[EXERCISE BRIEF] Lines from the top of the entries through the line that has "#141=IFCINDEXEDPOLYGONALFACE((9,14,16,11));" must be duplicated exactly, and no others.

[RECORDS PROVIDED]
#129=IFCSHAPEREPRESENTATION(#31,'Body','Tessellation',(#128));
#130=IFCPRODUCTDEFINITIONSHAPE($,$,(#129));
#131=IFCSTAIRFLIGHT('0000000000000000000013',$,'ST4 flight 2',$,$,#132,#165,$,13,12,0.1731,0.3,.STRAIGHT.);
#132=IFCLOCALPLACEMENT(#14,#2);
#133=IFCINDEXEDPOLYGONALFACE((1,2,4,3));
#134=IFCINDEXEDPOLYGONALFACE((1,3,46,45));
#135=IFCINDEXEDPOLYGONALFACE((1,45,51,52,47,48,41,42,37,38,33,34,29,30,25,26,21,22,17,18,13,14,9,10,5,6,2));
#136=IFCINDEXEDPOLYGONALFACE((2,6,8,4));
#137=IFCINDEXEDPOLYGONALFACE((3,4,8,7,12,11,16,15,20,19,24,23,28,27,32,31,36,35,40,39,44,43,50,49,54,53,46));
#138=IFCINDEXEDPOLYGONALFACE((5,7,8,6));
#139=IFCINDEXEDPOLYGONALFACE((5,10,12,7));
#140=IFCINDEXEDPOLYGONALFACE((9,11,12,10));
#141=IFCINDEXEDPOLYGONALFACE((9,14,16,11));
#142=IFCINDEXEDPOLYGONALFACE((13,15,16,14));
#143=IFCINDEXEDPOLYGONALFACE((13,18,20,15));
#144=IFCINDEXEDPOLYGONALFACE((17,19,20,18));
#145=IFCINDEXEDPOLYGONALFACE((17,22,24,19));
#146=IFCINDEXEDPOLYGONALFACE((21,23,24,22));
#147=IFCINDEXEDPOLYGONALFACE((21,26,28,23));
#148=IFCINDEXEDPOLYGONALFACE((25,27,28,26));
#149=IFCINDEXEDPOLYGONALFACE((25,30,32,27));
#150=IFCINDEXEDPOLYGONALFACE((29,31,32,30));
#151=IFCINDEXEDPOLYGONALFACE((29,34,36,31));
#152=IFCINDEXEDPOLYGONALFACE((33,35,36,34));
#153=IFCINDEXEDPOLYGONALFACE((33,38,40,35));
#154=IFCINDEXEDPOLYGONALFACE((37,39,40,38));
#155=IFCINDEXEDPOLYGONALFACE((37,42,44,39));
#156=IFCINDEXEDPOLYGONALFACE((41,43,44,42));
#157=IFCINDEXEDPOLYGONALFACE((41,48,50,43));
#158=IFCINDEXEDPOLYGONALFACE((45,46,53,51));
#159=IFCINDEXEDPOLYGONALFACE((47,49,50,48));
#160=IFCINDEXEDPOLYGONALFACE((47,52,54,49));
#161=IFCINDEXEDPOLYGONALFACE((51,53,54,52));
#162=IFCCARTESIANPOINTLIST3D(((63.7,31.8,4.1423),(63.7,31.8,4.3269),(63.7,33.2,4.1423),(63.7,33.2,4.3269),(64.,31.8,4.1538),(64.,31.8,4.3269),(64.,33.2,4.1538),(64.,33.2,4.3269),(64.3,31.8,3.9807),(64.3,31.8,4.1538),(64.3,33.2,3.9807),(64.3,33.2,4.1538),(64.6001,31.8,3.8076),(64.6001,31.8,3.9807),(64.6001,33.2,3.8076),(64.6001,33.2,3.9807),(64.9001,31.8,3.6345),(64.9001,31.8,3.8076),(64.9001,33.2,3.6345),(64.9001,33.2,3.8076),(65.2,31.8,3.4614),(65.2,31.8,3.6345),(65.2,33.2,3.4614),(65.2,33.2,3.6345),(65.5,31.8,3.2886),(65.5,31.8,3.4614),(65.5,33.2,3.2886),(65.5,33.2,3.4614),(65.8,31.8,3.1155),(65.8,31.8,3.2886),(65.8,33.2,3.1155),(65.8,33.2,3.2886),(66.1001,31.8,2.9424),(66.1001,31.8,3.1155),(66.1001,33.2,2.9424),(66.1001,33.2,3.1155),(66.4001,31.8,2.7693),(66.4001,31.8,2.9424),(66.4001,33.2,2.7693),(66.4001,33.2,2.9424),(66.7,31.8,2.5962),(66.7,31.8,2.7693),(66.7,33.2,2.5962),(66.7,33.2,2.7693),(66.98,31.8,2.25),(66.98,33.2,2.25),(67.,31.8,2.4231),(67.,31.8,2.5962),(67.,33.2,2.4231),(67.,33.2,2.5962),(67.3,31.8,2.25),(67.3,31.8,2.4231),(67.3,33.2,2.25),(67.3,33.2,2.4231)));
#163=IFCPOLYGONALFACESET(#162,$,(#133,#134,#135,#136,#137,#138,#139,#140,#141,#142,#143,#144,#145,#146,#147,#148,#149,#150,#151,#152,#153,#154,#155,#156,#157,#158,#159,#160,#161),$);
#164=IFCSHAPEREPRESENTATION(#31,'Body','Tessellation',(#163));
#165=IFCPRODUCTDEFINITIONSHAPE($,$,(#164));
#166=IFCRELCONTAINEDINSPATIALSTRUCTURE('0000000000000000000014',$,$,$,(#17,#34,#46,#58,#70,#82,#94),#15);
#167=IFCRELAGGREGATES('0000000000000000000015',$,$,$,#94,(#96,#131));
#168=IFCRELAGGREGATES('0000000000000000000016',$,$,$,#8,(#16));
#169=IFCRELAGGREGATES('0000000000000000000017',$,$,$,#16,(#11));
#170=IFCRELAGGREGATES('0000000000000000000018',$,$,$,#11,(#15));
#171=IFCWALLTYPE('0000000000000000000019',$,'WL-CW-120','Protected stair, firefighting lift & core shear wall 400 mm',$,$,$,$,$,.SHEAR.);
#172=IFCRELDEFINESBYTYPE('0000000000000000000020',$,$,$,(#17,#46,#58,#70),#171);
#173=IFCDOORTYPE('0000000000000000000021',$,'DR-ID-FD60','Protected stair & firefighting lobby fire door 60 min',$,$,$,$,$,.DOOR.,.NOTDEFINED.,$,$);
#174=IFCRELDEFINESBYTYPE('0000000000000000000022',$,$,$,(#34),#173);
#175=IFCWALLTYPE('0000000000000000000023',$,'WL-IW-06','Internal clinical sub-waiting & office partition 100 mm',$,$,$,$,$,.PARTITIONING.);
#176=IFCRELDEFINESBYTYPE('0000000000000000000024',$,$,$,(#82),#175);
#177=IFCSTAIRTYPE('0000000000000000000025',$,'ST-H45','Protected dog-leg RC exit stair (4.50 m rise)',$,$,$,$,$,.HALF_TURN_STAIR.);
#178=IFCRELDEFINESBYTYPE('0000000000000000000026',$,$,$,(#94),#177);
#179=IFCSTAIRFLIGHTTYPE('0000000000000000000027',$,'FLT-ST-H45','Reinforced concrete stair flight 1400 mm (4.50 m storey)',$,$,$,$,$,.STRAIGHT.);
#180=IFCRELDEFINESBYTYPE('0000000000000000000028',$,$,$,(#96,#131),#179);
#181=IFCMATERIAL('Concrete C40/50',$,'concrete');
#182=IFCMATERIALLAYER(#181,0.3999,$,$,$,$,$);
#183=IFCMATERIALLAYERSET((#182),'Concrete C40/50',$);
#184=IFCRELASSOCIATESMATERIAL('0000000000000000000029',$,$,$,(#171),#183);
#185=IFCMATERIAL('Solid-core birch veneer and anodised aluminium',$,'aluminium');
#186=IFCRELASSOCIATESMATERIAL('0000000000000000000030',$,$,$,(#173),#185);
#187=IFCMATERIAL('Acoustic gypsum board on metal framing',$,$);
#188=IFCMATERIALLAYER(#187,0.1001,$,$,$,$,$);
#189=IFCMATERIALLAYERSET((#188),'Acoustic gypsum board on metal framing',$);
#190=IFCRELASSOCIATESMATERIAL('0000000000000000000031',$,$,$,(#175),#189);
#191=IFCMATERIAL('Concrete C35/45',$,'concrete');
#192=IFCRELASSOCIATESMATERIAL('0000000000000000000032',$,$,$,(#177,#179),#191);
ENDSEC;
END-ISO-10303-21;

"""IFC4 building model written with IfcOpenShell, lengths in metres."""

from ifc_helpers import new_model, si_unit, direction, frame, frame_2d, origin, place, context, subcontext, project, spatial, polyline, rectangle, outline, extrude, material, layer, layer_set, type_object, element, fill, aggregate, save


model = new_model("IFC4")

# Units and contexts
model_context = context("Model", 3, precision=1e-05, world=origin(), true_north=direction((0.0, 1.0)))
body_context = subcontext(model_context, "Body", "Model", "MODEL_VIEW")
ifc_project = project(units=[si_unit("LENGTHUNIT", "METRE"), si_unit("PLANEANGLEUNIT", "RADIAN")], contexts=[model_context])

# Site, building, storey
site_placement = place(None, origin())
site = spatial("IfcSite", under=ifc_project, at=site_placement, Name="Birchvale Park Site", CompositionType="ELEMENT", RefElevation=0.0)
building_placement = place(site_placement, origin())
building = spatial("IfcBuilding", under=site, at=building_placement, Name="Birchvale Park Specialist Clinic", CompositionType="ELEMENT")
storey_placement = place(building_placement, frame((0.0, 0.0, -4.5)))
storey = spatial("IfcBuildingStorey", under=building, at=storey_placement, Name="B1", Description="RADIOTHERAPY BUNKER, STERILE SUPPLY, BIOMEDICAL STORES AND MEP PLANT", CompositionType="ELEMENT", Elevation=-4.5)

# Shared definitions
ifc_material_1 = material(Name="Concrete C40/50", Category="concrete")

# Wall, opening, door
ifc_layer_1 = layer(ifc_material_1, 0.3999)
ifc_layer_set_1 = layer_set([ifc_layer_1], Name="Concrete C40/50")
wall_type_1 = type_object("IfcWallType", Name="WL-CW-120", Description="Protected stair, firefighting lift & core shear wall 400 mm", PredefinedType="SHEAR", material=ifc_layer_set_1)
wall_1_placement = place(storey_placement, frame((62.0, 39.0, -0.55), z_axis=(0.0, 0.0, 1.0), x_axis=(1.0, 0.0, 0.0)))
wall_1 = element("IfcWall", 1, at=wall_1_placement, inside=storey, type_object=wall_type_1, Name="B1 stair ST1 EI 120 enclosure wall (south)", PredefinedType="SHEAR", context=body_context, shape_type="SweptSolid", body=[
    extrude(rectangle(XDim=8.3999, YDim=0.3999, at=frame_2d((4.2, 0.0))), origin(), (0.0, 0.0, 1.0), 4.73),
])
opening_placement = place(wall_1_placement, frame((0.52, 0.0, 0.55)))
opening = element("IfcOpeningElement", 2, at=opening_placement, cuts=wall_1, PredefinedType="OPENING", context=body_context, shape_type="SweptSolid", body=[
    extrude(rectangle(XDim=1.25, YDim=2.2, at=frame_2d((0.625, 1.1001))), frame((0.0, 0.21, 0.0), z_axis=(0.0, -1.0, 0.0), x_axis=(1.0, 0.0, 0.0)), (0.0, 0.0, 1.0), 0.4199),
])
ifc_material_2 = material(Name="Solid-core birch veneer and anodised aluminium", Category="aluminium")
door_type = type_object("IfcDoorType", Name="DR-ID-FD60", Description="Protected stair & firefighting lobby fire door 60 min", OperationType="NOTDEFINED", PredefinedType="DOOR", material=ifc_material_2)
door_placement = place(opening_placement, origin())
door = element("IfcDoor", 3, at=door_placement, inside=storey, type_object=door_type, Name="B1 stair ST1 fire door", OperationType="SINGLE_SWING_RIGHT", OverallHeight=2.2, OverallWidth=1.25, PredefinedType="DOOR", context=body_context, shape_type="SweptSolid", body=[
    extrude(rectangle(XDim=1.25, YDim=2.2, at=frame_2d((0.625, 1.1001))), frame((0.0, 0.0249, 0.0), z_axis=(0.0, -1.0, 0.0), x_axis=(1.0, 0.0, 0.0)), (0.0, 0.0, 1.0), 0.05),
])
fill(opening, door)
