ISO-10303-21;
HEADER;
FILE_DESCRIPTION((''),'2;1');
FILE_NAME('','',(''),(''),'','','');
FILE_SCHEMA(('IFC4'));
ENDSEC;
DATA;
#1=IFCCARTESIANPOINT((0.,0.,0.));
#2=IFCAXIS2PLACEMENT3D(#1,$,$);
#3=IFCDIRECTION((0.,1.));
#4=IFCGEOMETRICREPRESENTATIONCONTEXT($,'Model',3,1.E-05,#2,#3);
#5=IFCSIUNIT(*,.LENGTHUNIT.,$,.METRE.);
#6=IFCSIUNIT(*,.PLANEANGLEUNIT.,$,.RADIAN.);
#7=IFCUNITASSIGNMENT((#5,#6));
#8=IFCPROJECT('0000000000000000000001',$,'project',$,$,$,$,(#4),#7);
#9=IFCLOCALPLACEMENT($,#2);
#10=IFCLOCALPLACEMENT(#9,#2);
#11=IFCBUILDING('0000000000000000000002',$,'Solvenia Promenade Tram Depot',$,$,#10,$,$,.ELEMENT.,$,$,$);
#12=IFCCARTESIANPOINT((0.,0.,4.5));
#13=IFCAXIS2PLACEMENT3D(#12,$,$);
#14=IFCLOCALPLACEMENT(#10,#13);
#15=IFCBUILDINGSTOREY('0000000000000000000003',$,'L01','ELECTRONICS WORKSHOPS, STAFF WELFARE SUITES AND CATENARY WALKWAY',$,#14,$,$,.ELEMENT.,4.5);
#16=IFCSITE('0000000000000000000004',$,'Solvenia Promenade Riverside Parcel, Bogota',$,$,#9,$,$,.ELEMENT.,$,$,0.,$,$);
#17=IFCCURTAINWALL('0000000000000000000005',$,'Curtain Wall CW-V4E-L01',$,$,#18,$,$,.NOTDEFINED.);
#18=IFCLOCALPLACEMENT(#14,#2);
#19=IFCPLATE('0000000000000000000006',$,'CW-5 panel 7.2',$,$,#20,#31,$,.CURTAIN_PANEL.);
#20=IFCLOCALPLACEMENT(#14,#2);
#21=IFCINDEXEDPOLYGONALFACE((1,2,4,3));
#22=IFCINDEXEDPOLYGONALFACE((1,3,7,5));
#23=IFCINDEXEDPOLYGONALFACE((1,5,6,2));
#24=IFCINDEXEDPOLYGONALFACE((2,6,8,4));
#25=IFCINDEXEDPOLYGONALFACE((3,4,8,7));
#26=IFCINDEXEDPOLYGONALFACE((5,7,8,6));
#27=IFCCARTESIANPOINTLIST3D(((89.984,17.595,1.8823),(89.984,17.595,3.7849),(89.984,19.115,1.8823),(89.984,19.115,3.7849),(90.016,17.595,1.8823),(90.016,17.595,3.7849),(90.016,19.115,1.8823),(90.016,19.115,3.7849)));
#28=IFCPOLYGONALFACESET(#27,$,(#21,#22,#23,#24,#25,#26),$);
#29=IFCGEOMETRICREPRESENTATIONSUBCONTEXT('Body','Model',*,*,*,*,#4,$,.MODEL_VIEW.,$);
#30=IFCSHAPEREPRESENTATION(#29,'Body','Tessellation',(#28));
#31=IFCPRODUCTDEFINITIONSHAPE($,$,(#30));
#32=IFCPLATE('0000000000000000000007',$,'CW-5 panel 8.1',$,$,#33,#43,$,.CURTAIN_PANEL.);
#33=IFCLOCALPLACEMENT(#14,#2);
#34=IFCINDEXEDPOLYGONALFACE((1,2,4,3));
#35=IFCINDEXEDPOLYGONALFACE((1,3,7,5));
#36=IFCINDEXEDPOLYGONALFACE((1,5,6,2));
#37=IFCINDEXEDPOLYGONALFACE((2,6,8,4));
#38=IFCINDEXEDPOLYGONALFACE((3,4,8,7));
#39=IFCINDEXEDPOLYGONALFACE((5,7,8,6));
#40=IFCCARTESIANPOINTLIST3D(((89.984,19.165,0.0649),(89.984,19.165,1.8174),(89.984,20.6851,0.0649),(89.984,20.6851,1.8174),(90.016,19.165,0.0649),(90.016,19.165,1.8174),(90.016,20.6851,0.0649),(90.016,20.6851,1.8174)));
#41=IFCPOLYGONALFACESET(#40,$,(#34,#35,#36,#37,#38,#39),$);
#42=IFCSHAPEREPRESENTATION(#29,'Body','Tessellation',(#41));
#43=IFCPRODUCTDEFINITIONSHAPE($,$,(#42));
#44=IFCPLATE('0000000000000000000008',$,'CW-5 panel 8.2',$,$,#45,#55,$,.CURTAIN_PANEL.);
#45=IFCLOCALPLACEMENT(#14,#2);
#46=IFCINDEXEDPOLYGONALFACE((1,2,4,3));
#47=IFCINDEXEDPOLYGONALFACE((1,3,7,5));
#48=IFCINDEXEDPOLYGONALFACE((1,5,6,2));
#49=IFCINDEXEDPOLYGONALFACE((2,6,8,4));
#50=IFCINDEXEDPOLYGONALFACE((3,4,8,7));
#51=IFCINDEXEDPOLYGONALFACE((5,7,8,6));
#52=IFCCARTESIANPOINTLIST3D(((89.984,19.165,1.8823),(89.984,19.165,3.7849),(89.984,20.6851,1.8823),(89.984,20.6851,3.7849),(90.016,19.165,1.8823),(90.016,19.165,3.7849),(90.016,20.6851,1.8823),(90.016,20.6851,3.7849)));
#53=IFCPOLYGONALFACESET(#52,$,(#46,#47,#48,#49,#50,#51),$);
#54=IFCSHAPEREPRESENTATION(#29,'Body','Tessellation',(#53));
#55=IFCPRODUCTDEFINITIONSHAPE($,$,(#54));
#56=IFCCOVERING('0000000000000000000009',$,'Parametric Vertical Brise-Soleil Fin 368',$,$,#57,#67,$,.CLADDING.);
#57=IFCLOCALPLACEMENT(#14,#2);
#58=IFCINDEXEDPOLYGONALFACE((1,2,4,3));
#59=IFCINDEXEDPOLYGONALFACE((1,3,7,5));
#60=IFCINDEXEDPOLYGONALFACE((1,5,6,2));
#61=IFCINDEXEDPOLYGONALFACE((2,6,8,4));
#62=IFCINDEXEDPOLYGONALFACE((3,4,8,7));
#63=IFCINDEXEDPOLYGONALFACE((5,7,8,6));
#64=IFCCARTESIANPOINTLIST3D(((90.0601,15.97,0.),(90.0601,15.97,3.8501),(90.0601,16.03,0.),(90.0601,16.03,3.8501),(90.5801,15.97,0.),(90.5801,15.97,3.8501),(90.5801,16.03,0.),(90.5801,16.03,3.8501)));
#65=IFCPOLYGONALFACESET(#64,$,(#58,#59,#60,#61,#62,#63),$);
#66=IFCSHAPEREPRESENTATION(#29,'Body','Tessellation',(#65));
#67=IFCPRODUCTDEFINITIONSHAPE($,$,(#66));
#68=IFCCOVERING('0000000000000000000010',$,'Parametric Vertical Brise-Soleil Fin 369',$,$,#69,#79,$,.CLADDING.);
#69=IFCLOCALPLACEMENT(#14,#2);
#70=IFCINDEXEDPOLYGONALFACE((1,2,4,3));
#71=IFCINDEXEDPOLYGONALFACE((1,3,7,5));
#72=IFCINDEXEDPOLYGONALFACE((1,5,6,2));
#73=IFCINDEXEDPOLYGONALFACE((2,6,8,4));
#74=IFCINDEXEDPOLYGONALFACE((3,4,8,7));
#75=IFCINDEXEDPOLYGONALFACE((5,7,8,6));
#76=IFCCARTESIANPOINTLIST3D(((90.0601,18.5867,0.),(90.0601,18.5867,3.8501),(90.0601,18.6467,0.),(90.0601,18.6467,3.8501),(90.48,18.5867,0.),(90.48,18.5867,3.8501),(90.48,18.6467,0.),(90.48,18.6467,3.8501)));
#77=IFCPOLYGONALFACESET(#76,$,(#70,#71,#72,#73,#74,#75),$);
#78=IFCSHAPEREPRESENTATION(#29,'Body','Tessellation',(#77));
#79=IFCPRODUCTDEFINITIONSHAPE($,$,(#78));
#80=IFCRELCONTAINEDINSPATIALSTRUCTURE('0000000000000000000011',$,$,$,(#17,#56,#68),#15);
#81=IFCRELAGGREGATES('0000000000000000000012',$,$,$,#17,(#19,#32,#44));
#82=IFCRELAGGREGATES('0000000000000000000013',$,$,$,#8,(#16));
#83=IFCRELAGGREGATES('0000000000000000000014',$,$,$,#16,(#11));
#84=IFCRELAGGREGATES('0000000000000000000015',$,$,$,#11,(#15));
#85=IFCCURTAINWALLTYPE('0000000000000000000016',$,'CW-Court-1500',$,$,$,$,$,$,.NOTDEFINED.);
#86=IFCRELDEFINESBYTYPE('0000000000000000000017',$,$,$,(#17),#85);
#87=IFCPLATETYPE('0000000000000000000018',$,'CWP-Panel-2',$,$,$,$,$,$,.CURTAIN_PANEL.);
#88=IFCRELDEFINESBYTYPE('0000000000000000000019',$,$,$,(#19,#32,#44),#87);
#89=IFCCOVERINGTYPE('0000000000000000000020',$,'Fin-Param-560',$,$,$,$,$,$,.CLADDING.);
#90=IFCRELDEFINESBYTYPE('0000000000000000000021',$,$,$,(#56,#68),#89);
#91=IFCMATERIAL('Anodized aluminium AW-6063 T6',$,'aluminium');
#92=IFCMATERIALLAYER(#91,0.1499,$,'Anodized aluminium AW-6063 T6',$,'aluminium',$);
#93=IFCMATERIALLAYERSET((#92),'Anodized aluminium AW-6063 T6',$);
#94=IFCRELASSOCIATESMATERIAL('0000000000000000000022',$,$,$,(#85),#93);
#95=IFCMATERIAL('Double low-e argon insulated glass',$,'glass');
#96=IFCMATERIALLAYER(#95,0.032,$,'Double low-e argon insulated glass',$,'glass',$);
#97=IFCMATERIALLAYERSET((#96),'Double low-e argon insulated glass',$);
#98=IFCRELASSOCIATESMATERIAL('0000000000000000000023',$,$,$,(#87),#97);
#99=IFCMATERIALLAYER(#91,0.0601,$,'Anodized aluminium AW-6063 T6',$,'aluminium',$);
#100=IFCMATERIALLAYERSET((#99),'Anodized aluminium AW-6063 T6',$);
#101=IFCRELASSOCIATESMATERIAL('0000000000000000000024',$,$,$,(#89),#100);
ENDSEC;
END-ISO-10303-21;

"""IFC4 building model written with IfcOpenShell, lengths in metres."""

from ifc_helpers import new_model, si_unit, direction, frame, origin, origin_2d, place, context, subcontext, project, spatial, rectangle, extrude, material, layer, layer_set, type_object, element, aggregate, save


model = new_model("IFC4")

# Units and contexts
model_context = context("Model", 3, precision=1e-05, world=origin(), true_north=direction((0.0, 1.0)))
body_context = subcontext(model_context, "Body", "Model", "MODEL_VIEW")
ifc_project = project(units=[si_unit("LENGTHUNIT", "METRE"), si_unit("PLANEANGLEUNIT", "RADIAN")], contexts=[model_context])

# Site, building, storey
site_placement = place(None, origin())
site = spatial("IfcSite", under=ifc_project, at=site_placement, Name="Solvenia Promenade Riverside Parcel, Bogota", CompositionType="ELEMENT", RefElevation=0.0)
building_placement = place(site_placement, origin())
building = spatial("IfcBuilding", under=site, at=building_placement, Name="Solvenia Promenade Tram Depot", CompositionType="ELEMENT")
storey_placement = place(building_placement, frame((0.0, 0.0, 4.5)))
storey = spatial("IfcBuildingStorey", under=building, at=storey_placement, Name="L01", Description="ELECTRONICS WORKSHOPS, STAFF WELFARE SUITES AND CATENARY WALKWAY", CompositionType="ELEMENT", Elevation=4.5)

# Curtain wall
ifc_material_1 = material(Name="Anodized aluminium AW-6063 T6", Category="aluminium")
ifc_layer_1 = layer(ifc_material_1, 0.1499, Name="Anodized aluminium AW-6063 T6", Category="aluminium")
ifc_layer_set_1 = layer_set([ifc_layer_1], Name="Anodized aluminium AW-6063 T6")
curtain_wall_type = type_object("IfcCurtainWallType", Name="CW-Court-1500", PredefinedType="NOTDEFINED", material=ifc_layer_set_1)
curtain_wall_placement = place(storey_placement, origin())
curtain_wall = element("IfcCurtainWall", 1, at=curtain_wall_placement, inside=storey, type_object=curtain_wall_type, Name="Curtain Wall CW-V4E-L01", PredefinedType="NOTDEFINED")

# Plates
ifc_material_2 = material(Name="Double low-e argon insulated glass", Category="glass")
ifc_layer_2 = layer(ifc_material_2, 0.032, Name="Double low-e argon insulated glass", Category="glass")
ifc_layer_set_2 = layer_set([ifc_layer_2], Name="Double low-e argon insulated glass")
plate_type = type_object("IfcPlateType", Name="CWP-Panel-2", PredefinedType="CURTAIN_PANEL", material=ifc_layer_set_2)
plate_1_placement = place(storey_placement, frame((90.0, 18.355, 1.8823), z_axis=(0.0, 0.0, 1.0), x_axis=(0.0, 1.0, 0.0)))
plate_1 = element("IfcPlate", 2, at=plate_1_placement, type_object=plate_type, Name="CW-5 panel 7.2", PredefinedType="CURTAIN_PANEL", context=body_context, shape_type="SweptSolid", body=[
    extrude(rectangle(XDim=1.52, YDim=0.032, at=origin_2d()), origin(), (0.0, 0.0, 1.0), 1.9026),
])
plate_2_placement = place(storey_placement, frame((90.0, 19.925, 0.0649), z_axis=(0.0, 0.0, 1.0), x_axis=(0.0, 1.0, 0.0)))
plate_2 = element("IfcPlate", 3, at=plate_2_placement, type_object=plate_type, Name="CW-5 panel 8.1", PredefinedType="CURTAIN_PANEL", context=body_context, shape_type="SweptSolid", body=[
    extrude(rectangle(XDim=1.52, YDim=0.032, at=origin_2d()), origin(), (0.0, 0.0, 1.0), 1.7524),
])
plate_3_placement = place(storey_placement, frame((90.0, 19.925, 1.8823), z_axis=(0.0, 0.0, 1.0), x_axis=(0.0, 1.0, 0.0)))
plate_3 = element("IfcPlate", 4, at=plate_3_placement, type_object=plate_type, Name="CW-5 panel 8.2", PredefinedType="CURTAIN_PANEL", context=body_context, shape_type="SweptSolid", body=[
    extrude(rectangle(XDim=1.52, YDim=0.032, at=origin_2d()), origin(), (0.0, 0.0, 1.0), 1.9026),
])
aggregate(curtain_wall, [plate_1, plate_2, plate_3])

# Coverings
ifc_layer_3 = layer(ifc_material_1, 0.0601, Name="Anodized aluminium AW-6063 T6", Category="aluminium")
ifc_layer_set_3 = layer_set([ifc_layer_3], Name="Anodized aluminium AW-6063 T6")
covering_type = type_object("IfcCoveringType", Name="Fin-Param-560", PredefinedType="CLADDING", material=ifc_layer_set_3)
covering_1_placement = place(storey_placement, frame((90.3201, 16.0, 0.0), z_axis=(0.0, 0.0, 1.0), x_axis=(0.0, 1.0, 0.0)))
element("IfcCovering", 5, at=covering_1_placement, inside=storey, type_object=covering_type, Name="Parametric Vertical Brise-Soleil Fin 368", PredefinedType="CLADDING", context=body_context, shape_type="SweptSolid", body=[
    extrude(rectangle(XDim=0.0601, YDim=0.52, at=origin_2d()), origin(), (0.0, 0.0, 1.0), 3.8501),
])
covering_2_placement = place(storey_placement, frame((90.27, 18.6167, 0.0), z_axis=(0.0, 0.0, 1.0), x_axis=(0.0, 1.0, 0.0)))
element("IfcCovering", 6, at=covering_2_placement, inside=storey, type_object=covering_type, Name="Parametric Vertical Brise-Soleil Fin 369", PredefinedType="CLADDING", context=body_context, shape_type="SweptSolid", body=[
    extrude(rectangle(XDim=0.0601, YDim=0.4199, at=origin_2d()), origin(), (0.0, 0.0, 1.0), 3.8501),
])

save(model, "model.ifc")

[ANSWER FOR THE TASK]
#129=IFCSHAPEREPRESENTATION(#31,'Body','Tessellation',(#128));
#130=IFCPRODUCTDEFINITIONSHAPE($,$,(#129));
#131=IFCSTAIRFLIGHT('0000000000000000000013',$,'ST4 flight 2',$,$,#132,#165,$,13,12,0.1731,0.3,.STRAIGHT.);
#132=IFCLOCALPLACEMENT(#14,#2);
#133=IFCINDEXEDPOLYGONALFACE((1,2,4,3));
#134=IFCINDEXEDPOLYGONALFACE((1,3,46,45));
#135=IFCINDEXEDPOLYGONALFACE((1,45,51,52,47,48,41,42,37,38,33,34,29,30,25,26,21,22,17,18,13,14,9,10,5,6,2));
#136=IFCINDEXEDPOLYGONALFACE((2,6,8,4));
#137=IFCINDEXEDPOLYGONALFACE((3,4,8,7,12,11,16,15,20,19,24,23,28,27,32,31,36,35,40,39,44,43,50,49,54,53,46));
#138=IFCINDEXEDPOLYGONALFACE((5,7,8,6));
#139=IFCINDEXEDPOLYGONALFACE((5,10,12,7));
#140=IFCINDEXEDPOLYGONALFACE((9,11,12,10));
#141=IFCINDEXEDPOLYGONALFACE((9,14,16,11));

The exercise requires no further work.